[Records from a data source]
+--

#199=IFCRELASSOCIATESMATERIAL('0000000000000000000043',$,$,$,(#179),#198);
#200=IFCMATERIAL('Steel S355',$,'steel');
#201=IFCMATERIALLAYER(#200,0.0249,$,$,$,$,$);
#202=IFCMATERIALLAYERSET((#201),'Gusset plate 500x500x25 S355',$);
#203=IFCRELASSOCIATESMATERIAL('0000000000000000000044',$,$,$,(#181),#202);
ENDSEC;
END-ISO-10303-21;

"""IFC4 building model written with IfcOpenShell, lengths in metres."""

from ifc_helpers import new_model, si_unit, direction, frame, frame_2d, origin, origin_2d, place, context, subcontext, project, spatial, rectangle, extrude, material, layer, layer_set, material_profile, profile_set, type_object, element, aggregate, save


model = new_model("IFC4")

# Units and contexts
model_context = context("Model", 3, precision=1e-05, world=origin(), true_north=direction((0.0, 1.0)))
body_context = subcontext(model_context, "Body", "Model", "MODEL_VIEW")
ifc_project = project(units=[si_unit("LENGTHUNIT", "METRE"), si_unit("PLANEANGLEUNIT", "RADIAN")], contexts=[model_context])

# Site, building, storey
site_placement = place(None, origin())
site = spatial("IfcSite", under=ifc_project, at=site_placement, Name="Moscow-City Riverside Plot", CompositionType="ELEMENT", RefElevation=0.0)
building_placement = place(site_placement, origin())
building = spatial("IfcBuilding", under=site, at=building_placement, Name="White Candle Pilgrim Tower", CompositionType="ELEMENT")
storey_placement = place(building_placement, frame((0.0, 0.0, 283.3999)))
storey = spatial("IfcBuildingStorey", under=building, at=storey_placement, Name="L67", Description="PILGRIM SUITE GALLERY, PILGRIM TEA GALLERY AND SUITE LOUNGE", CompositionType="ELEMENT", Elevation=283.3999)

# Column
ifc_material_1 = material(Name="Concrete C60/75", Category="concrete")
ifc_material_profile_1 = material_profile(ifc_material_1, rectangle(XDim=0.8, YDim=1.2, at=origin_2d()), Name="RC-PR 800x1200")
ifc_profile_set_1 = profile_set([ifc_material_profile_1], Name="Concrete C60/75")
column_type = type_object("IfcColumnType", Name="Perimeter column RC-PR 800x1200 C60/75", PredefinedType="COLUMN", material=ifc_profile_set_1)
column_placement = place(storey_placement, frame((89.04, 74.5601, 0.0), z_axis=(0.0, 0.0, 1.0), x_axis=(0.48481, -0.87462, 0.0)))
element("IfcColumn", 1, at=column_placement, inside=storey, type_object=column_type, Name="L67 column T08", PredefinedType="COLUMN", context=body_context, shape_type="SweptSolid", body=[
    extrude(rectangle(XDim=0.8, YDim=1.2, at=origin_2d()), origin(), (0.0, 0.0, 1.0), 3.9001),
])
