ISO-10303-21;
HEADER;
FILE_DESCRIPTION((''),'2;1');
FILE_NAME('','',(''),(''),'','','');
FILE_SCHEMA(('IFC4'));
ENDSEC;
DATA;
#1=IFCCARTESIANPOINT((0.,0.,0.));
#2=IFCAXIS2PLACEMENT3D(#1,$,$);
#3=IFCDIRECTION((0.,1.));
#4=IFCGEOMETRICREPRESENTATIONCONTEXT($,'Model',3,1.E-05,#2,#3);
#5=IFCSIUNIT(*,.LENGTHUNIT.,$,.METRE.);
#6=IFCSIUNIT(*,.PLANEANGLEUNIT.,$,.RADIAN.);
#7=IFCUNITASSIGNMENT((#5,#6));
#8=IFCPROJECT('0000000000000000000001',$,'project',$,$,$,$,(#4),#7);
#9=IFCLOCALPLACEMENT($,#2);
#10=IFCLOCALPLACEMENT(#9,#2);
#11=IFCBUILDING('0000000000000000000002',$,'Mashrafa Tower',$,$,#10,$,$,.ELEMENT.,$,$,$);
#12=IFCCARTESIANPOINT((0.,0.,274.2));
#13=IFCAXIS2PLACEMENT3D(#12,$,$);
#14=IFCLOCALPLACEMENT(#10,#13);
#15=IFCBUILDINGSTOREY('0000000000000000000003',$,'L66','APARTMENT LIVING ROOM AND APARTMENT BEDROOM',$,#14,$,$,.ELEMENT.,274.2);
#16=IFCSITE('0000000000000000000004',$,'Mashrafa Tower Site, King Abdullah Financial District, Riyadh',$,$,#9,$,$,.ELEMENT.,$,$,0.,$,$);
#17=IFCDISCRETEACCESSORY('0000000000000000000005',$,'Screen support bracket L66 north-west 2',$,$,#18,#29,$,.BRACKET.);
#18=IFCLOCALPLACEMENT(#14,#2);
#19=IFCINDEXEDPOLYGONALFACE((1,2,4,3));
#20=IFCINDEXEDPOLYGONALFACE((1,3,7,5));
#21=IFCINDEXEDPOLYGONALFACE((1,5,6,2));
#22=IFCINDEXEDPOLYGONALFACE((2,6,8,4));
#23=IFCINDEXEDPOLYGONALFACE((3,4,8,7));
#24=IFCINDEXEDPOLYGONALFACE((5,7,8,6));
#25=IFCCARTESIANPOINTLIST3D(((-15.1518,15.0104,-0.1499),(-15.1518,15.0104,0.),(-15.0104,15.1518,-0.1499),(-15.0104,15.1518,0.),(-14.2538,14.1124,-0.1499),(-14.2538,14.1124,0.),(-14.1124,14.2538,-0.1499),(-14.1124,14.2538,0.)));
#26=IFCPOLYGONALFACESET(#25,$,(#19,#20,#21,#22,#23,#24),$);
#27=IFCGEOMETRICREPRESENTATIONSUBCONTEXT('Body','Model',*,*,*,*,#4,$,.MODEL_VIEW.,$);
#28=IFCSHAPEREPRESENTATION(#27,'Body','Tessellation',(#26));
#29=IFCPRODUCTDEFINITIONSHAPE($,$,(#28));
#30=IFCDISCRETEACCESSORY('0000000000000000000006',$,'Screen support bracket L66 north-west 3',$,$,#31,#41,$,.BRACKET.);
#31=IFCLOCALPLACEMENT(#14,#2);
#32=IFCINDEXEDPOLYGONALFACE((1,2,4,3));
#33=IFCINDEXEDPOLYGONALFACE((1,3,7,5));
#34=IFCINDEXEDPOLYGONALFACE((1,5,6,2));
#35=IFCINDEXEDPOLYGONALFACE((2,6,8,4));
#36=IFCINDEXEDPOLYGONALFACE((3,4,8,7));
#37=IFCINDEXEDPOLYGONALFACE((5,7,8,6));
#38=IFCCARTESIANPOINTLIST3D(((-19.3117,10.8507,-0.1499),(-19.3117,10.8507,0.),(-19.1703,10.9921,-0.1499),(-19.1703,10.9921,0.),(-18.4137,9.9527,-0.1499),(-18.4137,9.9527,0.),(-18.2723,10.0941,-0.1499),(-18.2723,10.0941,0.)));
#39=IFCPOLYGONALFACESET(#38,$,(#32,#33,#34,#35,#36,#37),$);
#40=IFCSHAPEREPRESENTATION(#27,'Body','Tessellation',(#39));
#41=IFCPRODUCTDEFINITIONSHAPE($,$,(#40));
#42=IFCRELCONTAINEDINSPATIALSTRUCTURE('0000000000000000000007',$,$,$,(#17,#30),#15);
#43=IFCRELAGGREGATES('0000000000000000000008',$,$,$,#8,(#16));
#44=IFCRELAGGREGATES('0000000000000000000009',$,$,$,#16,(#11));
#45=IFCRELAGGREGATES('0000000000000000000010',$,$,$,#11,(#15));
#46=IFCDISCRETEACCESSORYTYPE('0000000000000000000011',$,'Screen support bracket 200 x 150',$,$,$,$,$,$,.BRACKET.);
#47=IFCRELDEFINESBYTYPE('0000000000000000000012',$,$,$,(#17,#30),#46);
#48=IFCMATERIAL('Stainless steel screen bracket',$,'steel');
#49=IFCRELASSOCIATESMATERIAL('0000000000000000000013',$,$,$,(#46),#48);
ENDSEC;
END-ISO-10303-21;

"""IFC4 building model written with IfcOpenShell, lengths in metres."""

from ifc_helpers import new_model, si_unit, direction, frame, origin, origin_2d, place, context, subcontext, project, spatial, rectangle, extrude, source, transform, mapped, material, type_object, type_shapes, element, save


model = new_model("IFC4")

# Units and contexts
model_context = context("Model", 3, precision=1e-05, world=origin(), true_north=direction((0.0, 1.0)))
body_context = subcontext(model_context, "Body", "Model", "MODEL_VIEW")
ifc_project = project(units=[si_unit("LENGTHUNIT", "METRE"), si_unit("PLANEANGLEUNIT", "RADIAN")], contexts=[model_context])

# Site, building, storey
site_placement = place(None, origin())
site = spatial("IfcSite", under=ifc_project, at=site_placement, Name="Mashrafa Tower Site, King Abdullah Financial District, Riyadh", CompositionType="ELEMENT", RefElevation=0.0)
building_placement = place(site_placement, origin())
building = spatial("IfcBuilding", under=site, at=building_placement, Name="Mashrafa Tower", CompositionType="ELEMENT")
storey_placement = place(building_placement, frame((0.0, 0.0, 274.2)))
storey = spatial("IfcBuildingStorey", under=building, at=storey_placement, Name="L66", Description="APARTMENT LIVING ROOM AND APARTMENT BEDROOM", CompositionType="ELEMENT", Elevation=274.2)

# Discrete accessories
ifc_material_1 = material(Name="Stainless steel screen bracket", Category="steel")
discrete_accessory_type = type_object("IfcDiscreteAccessoryType", Name="Screen support bracket 200 x 150", PredefinedType="BRACKET", material=ifc_material_1)
shared_shape_1 = source(origin(), body_context, "Body", "SweptSolid", [
    extrude(rectangle(XDim=0.2, YDim=1.27, at=origin_2d()), origin(), (0.0, 0.0, 1.0), 0.1499),
])
type_shapes(discrete_accessory_type, [shared_shape_1])
for number, where, z_axis, x_axis, name in (
    (1, (-14.6321, 14.6321, -0.1499), (0.0, 0.0, 1.0), (-0.707107, -0.707107, 0.0), "Screen support bracket L66 north-west 2"),
    (2, (-18.792, 10.4724, -0.1499), (0.0, 0.0, 1.0), (-0.707107, -0.707107, 0.0), "Screen support bracket L66 north-west 3"),
):
    element("IfcDiscreteAccessory", number, at=place(storey_placement, frame(where, z_axis=z_axis, x_axis=x_axis)), inside=storey, type_object=discrete_accessory_type, Name=name, PredefinedType="BRACKET", context=body_context, shape_type="MappedRepresentation", body=[
        mapped(shared_shape_1, transform((0.0, 0.0, 0.0))),
    ])

save(model, "model.ifc")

+--

> [Instructions to follow]:
Beginning at the line with "#10=IFCLOCALPLACEMENT(#9,#2);" and ending at the line with "#24=IFCINDEXEDPOLYGONALFACE((5,7,8,6));", reproduce each line of the data above exactly, and add no other lines.

> [Output for this task]:
#10=IFCLOCALPLACEMENT(#9,#2);
#11=IFCBUILDING('0000000000000000000002',$,'Mashrafa Tower',$,$,#10,$,$,.ELEMENT.,$,$,$);
#12=IFCCARTESIANPOINT((0.,0.,274.2));
#13=IFCAXIS2PLACEMENT3D(#12,$,$);
#14=IFCLOCALPLACEMENT(#10,#13);
#15=IFCBUILDINGSTOREY('0000000000000000000003',$,'L66','APARTMENT LIVING ROOM AND APARTMENT BEDROOM',$,#14,$,$,.ELEMENT.,274.2);
#16=IFCSITE('0000000000000000000004',$,'Mashrafa Tower Site, King Abdullah Financial District, Riyadh',$,$,#9,$,$,.ELEMENT.,$,$,0.,$,$);
#17=IFCDISCRETEACCESSORY('0000000000000000000005',$,'Screen support bracket L66 north-west 2',$,$,#18,#29,$,.BRACKET.);
#18=IFCLOCALPLACEMENT(#14,#2);
#19=IFCINDEXEDPOLYGONALFACE((1,2,4,3));
#20=IFCINDEXEDPOLYGONALFACE((1,3,7,5));
#21=IFCINDEXEDPOLYGONALFACE((1,5,6,2));
#22=IFCINDEXEDPOLYGONALFACE((2,6,8,4));
#23=IFCINDEXEDPOLYGONALFACE((3,4,8,7));
#24=IFCINDEXEDPOLYGONALFACE((5,7,8,6));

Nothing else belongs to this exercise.